Source material |
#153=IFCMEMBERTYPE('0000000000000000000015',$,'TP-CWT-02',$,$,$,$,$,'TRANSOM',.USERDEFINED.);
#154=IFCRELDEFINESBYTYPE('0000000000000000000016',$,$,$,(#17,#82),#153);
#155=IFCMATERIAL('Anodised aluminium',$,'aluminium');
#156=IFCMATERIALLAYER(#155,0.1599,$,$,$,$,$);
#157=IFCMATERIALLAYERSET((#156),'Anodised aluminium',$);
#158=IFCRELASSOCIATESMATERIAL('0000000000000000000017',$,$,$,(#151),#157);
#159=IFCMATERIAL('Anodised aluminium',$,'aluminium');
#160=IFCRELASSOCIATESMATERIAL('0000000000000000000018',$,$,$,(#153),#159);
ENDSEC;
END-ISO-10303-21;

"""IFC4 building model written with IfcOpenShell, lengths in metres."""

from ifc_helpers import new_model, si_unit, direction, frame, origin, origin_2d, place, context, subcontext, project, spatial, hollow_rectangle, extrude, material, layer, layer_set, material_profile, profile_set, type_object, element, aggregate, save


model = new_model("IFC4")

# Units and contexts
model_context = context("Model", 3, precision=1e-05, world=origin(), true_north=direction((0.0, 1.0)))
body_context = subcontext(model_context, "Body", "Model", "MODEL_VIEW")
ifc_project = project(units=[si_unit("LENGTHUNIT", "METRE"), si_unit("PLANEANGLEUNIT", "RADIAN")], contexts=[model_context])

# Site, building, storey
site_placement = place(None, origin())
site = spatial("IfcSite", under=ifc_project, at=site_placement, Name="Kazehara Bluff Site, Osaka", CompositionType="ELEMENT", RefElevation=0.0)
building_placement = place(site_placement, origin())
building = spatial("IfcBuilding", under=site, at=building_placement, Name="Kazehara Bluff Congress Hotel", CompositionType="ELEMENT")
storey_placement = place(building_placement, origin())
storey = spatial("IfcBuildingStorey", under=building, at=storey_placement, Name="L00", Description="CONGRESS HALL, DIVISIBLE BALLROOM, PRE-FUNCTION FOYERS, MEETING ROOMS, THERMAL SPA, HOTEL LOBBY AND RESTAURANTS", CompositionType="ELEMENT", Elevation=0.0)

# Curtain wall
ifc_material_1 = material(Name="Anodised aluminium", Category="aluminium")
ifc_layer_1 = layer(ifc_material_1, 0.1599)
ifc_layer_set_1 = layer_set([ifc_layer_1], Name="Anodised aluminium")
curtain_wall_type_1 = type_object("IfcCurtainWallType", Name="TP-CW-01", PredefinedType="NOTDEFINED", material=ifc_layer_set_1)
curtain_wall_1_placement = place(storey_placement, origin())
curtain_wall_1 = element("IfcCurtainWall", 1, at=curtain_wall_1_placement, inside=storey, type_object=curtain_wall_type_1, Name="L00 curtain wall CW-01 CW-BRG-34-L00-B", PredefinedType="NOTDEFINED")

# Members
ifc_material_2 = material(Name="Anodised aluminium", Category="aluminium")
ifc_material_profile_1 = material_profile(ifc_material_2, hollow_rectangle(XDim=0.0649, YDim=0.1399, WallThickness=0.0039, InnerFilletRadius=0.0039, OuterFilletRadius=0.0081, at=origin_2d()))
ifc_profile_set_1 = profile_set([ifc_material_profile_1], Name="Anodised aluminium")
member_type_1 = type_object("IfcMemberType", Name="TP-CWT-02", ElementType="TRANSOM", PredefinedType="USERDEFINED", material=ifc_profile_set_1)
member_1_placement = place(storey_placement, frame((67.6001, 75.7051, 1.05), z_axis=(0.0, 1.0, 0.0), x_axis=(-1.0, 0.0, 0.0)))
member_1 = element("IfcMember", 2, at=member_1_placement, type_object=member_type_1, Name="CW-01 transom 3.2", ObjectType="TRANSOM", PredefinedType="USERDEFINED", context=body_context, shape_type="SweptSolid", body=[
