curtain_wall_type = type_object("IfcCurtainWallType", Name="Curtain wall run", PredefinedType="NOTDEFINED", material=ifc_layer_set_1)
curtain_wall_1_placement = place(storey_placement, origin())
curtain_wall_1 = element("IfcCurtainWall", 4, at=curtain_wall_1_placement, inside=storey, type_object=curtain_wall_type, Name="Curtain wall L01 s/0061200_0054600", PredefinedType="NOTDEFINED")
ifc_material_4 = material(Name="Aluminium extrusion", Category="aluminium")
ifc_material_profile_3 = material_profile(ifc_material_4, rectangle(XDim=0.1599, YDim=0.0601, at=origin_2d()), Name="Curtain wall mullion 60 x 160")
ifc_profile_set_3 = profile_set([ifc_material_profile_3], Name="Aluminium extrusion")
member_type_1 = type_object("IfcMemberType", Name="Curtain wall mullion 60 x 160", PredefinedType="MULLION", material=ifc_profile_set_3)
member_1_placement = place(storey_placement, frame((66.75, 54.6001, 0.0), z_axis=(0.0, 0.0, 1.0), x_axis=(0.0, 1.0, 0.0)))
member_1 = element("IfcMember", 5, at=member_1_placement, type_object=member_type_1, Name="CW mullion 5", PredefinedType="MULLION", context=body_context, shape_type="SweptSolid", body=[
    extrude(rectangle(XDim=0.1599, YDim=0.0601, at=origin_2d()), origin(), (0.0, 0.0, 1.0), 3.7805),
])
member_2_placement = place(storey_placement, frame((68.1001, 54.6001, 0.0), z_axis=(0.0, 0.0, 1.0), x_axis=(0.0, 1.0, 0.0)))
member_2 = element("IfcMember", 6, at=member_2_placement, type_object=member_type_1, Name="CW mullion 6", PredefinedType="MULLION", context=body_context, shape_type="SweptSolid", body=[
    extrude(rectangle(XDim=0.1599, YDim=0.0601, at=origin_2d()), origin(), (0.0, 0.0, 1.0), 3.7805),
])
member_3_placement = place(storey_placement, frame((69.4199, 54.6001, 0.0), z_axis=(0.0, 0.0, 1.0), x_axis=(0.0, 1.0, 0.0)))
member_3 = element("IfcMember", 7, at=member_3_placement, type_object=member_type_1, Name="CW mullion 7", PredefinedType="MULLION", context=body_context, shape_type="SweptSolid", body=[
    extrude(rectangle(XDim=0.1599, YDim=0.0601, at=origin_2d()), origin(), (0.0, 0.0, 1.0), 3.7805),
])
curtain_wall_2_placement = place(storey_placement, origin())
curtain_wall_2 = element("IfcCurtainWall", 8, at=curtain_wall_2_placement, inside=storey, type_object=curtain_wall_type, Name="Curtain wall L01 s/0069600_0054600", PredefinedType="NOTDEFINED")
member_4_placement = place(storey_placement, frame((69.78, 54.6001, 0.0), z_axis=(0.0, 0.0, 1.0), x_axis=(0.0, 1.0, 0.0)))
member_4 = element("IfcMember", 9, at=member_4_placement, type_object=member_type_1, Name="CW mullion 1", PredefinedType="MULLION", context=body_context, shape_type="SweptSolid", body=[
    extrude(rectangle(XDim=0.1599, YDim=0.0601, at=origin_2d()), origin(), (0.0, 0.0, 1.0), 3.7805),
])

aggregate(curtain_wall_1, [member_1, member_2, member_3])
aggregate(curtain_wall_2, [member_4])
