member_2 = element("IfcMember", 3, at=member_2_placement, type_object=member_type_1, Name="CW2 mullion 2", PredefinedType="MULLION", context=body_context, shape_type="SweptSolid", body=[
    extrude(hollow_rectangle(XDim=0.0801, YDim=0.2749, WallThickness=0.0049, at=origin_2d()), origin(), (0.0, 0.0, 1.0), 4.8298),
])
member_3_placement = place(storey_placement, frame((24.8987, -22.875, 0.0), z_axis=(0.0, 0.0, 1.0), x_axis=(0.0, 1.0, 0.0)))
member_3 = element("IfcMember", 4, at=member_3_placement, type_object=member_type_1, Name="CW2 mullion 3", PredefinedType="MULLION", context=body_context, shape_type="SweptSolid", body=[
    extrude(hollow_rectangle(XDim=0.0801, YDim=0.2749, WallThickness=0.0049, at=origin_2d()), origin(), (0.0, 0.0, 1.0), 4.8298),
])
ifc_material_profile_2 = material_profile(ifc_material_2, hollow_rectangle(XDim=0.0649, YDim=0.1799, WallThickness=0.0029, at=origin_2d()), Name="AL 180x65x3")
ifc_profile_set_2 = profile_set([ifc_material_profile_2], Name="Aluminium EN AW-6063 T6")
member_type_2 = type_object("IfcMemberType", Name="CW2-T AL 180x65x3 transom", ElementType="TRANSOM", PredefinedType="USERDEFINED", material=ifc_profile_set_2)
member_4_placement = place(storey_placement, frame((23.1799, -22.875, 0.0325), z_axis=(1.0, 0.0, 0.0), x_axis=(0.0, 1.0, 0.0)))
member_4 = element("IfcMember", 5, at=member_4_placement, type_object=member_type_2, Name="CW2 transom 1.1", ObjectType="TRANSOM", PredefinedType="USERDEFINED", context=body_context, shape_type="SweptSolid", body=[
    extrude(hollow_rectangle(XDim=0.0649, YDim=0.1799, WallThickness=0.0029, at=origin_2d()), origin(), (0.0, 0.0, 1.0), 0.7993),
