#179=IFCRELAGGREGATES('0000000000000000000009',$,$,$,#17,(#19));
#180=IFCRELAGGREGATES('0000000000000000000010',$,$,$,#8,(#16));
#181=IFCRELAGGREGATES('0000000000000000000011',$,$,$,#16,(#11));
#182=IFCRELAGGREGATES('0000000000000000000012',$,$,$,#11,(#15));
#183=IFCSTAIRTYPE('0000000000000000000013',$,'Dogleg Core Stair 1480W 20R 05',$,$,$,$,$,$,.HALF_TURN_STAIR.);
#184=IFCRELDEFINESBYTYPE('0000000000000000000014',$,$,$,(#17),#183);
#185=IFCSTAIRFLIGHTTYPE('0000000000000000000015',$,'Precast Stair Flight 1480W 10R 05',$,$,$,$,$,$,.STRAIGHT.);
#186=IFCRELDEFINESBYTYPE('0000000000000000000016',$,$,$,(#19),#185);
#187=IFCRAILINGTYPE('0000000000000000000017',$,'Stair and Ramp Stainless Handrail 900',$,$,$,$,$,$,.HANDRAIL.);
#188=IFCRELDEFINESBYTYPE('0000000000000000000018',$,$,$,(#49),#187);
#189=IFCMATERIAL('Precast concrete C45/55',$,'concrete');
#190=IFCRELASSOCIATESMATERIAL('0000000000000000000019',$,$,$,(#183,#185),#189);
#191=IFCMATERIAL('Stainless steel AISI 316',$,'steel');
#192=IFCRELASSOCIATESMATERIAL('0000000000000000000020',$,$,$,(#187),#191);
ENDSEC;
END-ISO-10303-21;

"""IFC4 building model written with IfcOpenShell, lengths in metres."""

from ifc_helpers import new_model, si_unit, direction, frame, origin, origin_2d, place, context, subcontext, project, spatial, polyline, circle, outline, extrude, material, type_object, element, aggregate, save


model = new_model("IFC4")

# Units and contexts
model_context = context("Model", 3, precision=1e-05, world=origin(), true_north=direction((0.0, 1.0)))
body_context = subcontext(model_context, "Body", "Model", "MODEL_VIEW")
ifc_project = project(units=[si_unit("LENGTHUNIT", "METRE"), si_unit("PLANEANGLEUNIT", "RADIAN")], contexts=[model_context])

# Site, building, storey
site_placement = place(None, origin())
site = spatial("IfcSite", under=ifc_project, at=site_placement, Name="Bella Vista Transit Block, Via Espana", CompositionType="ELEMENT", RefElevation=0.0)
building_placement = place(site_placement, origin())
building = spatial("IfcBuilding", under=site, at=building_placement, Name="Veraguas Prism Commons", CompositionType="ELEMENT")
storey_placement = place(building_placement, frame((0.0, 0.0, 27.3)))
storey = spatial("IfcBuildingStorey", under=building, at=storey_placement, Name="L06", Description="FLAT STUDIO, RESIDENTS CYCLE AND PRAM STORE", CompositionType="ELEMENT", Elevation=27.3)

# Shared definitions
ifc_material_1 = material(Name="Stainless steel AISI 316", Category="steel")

Exercise prompt | Determine how many lines of the material hold the string "Precast", and state that number by itself.

Problem solution | 2